:: Description of the task ::
Your answer should be the lines below from the one with "x_axis=(-1.0, 0.0, 0.0)))" to the one with "window_1_placement = place(opening_1_placement, origin())", both included, given again exactly and with nothing added.

:: Provided data ::
/---

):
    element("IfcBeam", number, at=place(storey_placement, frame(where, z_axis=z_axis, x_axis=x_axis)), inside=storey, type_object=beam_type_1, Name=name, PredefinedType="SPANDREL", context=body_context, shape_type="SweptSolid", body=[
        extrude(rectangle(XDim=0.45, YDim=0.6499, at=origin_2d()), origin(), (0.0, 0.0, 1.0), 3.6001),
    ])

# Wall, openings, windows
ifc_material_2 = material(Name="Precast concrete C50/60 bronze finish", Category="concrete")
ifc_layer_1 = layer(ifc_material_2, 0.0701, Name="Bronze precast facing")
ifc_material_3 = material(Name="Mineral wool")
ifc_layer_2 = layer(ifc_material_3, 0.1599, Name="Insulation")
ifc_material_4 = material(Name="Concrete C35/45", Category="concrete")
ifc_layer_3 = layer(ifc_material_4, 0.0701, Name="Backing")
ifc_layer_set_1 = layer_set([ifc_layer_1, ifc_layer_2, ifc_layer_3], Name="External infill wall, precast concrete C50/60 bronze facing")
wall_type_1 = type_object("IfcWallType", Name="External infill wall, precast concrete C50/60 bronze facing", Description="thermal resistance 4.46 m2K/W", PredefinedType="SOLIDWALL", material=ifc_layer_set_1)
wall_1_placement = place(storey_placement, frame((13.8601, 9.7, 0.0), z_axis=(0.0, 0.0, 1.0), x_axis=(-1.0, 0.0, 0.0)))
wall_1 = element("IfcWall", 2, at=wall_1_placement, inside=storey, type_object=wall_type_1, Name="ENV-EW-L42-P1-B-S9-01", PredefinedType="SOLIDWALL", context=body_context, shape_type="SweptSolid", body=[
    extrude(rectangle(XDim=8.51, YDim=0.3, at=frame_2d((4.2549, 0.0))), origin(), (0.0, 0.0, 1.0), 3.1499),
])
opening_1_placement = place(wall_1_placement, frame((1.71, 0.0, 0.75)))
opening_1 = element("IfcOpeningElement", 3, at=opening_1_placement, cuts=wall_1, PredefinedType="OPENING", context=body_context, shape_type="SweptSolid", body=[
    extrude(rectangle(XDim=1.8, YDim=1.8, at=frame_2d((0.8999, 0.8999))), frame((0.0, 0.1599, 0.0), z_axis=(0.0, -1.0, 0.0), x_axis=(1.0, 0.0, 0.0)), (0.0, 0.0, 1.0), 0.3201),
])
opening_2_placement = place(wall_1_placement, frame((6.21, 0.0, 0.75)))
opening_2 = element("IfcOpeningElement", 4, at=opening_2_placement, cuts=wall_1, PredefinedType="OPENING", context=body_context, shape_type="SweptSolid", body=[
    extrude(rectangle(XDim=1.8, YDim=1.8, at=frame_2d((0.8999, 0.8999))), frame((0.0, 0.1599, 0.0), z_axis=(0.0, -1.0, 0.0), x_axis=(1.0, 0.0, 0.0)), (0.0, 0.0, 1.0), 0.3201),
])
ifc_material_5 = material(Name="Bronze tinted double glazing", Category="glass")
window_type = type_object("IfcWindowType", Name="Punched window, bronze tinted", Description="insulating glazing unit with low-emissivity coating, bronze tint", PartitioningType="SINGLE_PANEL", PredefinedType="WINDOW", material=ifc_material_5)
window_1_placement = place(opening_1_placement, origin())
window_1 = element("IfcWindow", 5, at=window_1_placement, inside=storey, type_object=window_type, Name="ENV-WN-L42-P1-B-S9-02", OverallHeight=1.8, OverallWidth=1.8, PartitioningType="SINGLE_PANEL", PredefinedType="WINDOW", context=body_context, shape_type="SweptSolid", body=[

\---

:: Your solution ::
wall_1_placement = place(storey_placement, frame((13.8601, 9.7, 0.0), z_axis=(0.0, 0.0, 1.0), x_axis=(-1.0, 0.0, 0.0)))
wall_1 = element("IfcWall", 2, at=wall_1_placement, inside=storey, type_object=wall_type_1, Name="ENV-EW-L42-P1-B-S9-01", PredefinedType="SOLIDWALL", context=body_context, shape_type="SweptSolid", body=[
    extrude(rectangle(XDim=8.51, YDim=0.3, at=frame_2d((4.2549, 0.0))), origin(), (0.0, 0.0, 1.0), 3.1499),
])
opening_1_placement = place(wall_1_placement, frame((1.71, 0.0, 0.75)))
opening_1 = element("IfcOpeningElement", 3, at=opening_1_placement, cuts=wall_1, PredefinedType="OPENING", context=body_context, shape_type="SweptSolid", body=[
    extrude(rectangle(XDim=1.8, YDim=1.8, at=frame_2d((0.8999, 0.8999))), frame((0.0, 0.1599, 0.0), z_axis=(0.0, -1.0, 0.0), x_axis=(1.0, 0.0, 0.0)), (0.0, 0.0, 1.0), 0.3201),
])
opening_2_placement = place(wall_1_placement, frame((6.21, 0.0, 0.75)))
opening_2 = element("IfcOpeningElement", 4, at=opening_2_placement, cuts=wall_1, PredefinedType="OPENING", context=body_context, shape_type="SweptSolid", body=[
    extrude(rectangle(XDim=1.8, YDim=1.8, at=frame_2d((0.8999, 0.8999))), frame((0.0, 0.1599, 0.0), z_axis=(0.0, -1.0, 0.0), x_axis=(1.0, 0.0, 0.0)), (0.0, 0.0, 1.0), 0.3201),
])
ifc_material_5 = material(Name="Bronze tinted double glazing", Category="glass")
window_type = type_object("IfcWindowType", Name="Punched window, bronze tinted", Description="insulating glazing unit with low-emissivity coating, bronze tint", PartitioningType="SINGLE_PANEL", PredefinedType="WINDOW", material=ifc_material_5)
window_1_placement = place(opening_1_placement, origin())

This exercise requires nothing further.